EXERCISE BRIEF
Go through the data and report each line that holds the string "glass".

ENTRIES PROVIDED
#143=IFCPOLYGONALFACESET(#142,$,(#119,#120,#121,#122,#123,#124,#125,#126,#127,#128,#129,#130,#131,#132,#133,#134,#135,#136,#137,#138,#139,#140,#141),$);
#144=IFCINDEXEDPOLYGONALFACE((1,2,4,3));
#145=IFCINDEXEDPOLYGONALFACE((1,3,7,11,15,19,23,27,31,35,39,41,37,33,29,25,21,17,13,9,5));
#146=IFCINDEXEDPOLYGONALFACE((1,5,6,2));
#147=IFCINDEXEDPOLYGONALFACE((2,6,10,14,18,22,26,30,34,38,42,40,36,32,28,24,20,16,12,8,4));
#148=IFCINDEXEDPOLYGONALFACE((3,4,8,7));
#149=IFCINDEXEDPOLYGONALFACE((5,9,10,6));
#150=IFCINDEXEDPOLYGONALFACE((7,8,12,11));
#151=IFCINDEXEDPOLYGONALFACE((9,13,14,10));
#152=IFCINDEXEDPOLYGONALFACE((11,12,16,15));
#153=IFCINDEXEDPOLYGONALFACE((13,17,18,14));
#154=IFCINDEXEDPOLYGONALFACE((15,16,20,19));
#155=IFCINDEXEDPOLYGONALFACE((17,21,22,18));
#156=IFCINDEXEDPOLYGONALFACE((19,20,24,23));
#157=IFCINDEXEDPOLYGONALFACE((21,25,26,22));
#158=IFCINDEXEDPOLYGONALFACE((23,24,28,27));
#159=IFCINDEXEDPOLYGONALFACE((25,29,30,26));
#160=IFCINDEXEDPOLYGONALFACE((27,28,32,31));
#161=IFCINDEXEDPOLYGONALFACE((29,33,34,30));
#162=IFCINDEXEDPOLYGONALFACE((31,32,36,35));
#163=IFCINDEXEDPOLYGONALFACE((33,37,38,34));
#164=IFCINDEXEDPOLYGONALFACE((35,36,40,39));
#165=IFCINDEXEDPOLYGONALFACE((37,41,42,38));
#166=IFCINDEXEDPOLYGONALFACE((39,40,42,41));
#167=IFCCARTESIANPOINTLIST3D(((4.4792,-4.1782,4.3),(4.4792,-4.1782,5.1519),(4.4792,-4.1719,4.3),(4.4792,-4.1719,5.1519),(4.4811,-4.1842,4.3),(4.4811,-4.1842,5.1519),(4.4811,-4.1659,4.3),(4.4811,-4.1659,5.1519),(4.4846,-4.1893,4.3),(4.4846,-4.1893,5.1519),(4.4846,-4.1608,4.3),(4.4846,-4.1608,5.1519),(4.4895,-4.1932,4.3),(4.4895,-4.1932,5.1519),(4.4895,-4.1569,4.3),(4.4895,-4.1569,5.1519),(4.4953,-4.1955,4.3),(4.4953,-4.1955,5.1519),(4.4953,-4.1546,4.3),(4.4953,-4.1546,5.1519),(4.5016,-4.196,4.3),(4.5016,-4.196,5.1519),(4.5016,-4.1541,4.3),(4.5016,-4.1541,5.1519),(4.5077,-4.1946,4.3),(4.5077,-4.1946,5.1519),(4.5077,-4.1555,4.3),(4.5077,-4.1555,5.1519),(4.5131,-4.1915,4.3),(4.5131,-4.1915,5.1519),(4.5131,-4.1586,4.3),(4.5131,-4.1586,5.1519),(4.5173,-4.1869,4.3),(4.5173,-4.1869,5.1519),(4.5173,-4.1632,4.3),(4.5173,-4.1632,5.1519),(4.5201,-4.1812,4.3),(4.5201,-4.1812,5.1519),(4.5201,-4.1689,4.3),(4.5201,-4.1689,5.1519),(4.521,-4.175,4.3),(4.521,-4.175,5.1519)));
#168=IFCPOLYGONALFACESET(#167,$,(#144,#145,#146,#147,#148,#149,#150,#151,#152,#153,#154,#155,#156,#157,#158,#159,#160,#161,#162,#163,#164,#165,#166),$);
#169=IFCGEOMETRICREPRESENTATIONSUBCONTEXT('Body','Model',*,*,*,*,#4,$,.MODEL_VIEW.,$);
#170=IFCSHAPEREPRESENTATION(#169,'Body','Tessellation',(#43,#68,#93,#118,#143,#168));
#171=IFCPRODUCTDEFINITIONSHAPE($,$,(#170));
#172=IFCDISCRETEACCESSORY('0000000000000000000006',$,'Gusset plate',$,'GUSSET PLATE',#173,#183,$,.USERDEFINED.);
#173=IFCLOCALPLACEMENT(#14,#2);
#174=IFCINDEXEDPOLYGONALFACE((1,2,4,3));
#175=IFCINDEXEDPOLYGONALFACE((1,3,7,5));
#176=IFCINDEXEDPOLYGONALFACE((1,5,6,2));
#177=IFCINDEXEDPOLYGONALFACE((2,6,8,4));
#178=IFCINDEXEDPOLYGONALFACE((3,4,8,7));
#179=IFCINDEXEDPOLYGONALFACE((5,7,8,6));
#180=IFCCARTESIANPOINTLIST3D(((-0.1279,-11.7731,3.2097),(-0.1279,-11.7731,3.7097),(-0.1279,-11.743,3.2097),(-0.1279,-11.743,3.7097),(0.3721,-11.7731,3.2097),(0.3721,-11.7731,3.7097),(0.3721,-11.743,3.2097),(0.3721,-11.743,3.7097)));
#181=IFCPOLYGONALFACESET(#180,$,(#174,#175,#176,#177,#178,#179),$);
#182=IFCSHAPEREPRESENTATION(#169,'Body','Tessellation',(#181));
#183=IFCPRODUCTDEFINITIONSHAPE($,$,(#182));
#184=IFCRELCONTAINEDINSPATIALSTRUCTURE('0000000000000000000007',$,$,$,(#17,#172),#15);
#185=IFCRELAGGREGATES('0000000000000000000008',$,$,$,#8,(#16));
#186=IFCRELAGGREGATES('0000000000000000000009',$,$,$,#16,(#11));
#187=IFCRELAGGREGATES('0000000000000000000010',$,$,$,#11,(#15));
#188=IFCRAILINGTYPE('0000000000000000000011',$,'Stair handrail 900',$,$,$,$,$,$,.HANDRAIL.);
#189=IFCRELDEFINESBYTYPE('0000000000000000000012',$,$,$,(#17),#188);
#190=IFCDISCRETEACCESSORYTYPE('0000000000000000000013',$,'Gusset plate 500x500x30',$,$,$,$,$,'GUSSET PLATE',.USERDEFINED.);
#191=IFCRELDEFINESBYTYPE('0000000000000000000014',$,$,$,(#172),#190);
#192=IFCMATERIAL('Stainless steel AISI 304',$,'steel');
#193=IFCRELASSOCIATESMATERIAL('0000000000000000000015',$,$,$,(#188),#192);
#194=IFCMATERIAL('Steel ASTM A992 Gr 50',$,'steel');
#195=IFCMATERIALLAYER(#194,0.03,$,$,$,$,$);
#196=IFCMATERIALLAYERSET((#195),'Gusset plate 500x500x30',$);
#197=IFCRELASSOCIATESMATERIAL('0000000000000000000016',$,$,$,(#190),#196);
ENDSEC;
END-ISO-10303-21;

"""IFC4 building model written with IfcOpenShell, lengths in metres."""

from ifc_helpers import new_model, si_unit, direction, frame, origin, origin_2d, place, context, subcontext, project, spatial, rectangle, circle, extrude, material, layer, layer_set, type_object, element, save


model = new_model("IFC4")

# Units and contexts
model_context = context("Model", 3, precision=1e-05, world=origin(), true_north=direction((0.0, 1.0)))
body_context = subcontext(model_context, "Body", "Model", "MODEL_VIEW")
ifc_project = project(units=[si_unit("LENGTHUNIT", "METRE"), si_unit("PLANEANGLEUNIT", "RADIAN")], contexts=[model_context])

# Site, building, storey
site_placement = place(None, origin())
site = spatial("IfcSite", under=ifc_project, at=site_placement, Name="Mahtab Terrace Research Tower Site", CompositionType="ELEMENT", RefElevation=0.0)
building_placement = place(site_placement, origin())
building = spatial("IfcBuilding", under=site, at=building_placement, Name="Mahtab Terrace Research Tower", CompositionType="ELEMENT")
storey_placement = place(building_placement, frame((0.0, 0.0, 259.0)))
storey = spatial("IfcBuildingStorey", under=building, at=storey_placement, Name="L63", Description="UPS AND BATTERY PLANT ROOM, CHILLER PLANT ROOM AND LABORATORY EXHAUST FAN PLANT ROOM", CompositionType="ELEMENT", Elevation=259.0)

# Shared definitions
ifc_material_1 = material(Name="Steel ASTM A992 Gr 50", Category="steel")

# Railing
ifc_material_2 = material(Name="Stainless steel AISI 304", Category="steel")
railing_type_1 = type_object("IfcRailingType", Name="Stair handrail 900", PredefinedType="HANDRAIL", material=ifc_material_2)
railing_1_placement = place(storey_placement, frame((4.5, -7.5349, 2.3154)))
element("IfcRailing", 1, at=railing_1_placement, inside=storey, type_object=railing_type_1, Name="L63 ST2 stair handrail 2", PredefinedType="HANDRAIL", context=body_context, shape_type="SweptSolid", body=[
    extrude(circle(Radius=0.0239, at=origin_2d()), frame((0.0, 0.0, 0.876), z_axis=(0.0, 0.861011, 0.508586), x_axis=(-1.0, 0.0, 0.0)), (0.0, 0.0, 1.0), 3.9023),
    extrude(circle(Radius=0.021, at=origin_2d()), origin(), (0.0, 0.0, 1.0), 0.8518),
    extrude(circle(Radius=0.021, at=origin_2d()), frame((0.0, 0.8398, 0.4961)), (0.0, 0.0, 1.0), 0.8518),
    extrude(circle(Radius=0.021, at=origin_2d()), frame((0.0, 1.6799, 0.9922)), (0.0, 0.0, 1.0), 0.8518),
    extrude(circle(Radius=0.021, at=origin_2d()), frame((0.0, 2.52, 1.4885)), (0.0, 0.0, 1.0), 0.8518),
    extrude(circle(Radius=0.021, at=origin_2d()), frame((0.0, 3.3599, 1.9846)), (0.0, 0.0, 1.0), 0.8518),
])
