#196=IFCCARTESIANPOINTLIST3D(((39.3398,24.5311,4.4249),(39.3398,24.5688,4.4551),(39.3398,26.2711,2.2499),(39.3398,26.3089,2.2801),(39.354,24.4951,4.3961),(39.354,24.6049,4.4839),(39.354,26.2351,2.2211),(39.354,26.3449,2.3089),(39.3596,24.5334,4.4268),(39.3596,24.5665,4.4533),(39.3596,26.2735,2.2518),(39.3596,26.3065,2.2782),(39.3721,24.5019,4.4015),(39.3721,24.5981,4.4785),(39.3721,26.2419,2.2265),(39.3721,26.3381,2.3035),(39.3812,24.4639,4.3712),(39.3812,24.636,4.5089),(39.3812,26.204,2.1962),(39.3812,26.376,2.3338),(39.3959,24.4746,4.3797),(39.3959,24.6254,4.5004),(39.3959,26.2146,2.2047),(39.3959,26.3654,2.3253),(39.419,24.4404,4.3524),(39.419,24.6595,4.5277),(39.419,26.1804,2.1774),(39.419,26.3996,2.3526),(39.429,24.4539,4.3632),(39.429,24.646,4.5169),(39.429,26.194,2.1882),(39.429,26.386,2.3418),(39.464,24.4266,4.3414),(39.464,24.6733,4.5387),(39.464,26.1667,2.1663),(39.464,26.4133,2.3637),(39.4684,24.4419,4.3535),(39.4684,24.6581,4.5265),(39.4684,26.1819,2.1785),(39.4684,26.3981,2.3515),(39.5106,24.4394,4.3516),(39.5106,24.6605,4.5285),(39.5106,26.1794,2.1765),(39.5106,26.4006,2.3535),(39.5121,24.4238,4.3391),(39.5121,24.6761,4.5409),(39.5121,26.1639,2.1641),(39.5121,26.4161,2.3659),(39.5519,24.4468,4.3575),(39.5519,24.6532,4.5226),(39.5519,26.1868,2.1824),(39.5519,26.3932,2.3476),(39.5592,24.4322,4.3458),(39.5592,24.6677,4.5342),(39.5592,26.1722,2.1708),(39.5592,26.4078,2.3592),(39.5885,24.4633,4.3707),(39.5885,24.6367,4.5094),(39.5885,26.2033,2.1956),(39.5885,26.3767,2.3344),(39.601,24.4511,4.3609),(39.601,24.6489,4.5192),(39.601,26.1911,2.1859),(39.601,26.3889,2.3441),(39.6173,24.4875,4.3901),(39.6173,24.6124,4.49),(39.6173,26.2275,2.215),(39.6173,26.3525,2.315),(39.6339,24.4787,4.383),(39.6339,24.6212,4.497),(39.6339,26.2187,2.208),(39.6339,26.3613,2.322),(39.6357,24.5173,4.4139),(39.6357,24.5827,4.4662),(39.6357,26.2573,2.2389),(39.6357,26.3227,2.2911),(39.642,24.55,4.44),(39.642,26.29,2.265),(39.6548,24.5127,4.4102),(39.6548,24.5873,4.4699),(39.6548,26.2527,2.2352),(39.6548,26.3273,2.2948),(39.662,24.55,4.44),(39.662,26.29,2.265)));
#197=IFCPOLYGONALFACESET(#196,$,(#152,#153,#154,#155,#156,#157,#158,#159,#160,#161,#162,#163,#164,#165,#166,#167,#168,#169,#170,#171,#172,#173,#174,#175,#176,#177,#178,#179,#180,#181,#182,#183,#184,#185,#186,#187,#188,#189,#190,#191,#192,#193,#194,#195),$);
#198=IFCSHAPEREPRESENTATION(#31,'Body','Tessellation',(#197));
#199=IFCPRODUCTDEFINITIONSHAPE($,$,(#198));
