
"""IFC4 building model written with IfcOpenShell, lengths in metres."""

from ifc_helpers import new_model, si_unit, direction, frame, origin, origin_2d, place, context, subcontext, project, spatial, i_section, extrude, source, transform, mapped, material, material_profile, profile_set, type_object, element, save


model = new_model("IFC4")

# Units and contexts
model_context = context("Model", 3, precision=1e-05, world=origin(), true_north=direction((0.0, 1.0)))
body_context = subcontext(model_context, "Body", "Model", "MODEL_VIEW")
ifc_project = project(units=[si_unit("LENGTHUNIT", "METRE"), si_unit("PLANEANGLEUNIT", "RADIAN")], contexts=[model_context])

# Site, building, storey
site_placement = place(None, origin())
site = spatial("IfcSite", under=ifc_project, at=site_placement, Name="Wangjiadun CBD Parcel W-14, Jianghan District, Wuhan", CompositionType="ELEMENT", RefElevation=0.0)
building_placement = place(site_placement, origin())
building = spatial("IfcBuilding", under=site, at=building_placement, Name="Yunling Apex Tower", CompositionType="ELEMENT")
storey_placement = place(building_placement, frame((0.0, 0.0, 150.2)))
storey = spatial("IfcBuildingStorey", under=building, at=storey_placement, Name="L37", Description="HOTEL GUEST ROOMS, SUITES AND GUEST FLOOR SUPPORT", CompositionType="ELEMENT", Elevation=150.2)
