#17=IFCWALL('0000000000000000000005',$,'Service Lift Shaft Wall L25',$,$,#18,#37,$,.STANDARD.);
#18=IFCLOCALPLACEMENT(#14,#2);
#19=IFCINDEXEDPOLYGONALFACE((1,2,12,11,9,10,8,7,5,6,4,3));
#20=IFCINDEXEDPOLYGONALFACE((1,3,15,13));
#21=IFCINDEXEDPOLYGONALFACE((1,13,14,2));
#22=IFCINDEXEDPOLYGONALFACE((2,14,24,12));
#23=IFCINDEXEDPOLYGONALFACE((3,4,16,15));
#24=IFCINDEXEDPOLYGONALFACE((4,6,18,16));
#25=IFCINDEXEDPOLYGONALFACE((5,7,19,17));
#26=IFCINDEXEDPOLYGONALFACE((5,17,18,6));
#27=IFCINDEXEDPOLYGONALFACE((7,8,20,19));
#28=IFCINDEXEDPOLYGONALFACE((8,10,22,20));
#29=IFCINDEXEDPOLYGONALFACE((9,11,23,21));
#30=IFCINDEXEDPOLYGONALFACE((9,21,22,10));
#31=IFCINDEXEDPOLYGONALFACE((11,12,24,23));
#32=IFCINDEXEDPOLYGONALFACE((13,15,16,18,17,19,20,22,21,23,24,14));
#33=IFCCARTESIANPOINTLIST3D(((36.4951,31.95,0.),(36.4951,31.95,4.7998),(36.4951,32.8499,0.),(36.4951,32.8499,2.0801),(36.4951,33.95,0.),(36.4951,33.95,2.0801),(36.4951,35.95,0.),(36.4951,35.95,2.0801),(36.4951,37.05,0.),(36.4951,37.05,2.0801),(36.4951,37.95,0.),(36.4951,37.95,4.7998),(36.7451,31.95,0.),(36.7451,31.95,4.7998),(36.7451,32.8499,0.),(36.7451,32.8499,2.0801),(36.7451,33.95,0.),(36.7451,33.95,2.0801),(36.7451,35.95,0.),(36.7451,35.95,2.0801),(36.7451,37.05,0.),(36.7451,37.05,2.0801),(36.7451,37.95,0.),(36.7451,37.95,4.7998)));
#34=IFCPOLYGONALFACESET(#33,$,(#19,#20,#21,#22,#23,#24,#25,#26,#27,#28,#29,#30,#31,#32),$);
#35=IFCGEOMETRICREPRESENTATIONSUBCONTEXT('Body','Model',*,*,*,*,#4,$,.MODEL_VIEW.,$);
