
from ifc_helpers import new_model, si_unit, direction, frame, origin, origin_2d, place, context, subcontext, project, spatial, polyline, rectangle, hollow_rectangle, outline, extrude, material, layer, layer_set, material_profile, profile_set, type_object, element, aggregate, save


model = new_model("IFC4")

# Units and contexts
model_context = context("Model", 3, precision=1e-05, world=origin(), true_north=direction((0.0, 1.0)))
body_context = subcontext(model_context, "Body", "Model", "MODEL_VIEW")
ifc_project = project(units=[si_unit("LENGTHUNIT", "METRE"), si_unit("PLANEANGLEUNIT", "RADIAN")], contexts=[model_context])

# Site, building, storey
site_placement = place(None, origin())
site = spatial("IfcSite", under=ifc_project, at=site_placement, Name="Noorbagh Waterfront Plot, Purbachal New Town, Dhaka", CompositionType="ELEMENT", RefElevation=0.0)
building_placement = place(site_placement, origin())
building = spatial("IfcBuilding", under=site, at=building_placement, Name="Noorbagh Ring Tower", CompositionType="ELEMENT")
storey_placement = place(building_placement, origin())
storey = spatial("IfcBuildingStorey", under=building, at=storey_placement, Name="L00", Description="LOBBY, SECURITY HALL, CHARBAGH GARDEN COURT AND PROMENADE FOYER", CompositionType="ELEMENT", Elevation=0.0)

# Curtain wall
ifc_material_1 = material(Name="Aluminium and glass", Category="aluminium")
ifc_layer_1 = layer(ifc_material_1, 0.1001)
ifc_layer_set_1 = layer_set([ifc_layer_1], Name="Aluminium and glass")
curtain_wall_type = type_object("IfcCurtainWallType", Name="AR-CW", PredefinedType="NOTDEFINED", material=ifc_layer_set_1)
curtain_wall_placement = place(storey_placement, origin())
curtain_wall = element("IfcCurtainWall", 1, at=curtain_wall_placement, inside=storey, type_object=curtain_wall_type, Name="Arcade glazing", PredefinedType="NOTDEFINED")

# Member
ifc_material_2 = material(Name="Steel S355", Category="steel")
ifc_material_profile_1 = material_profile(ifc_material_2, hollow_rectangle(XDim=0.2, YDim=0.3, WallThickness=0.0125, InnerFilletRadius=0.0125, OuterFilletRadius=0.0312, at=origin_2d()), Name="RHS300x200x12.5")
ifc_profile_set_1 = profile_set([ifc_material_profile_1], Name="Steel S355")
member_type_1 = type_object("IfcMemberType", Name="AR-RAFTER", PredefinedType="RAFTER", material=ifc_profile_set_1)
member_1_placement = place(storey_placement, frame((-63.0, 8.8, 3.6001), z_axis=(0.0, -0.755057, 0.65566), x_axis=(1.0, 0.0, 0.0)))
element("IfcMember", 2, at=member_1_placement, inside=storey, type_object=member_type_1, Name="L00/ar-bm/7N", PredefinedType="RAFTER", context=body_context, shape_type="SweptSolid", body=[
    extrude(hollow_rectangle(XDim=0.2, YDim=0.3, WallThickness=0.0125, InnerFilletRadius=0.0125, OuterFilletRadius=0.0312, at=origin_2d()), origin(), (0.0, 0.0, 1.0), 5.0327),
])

TASK RESULT
ifc_material_1 = material(Name="Aluminium and glass", Category="aluminium")
ifc_layer_set_1 = layer_set([ifc_layer_1], Name="Aluminium and glass")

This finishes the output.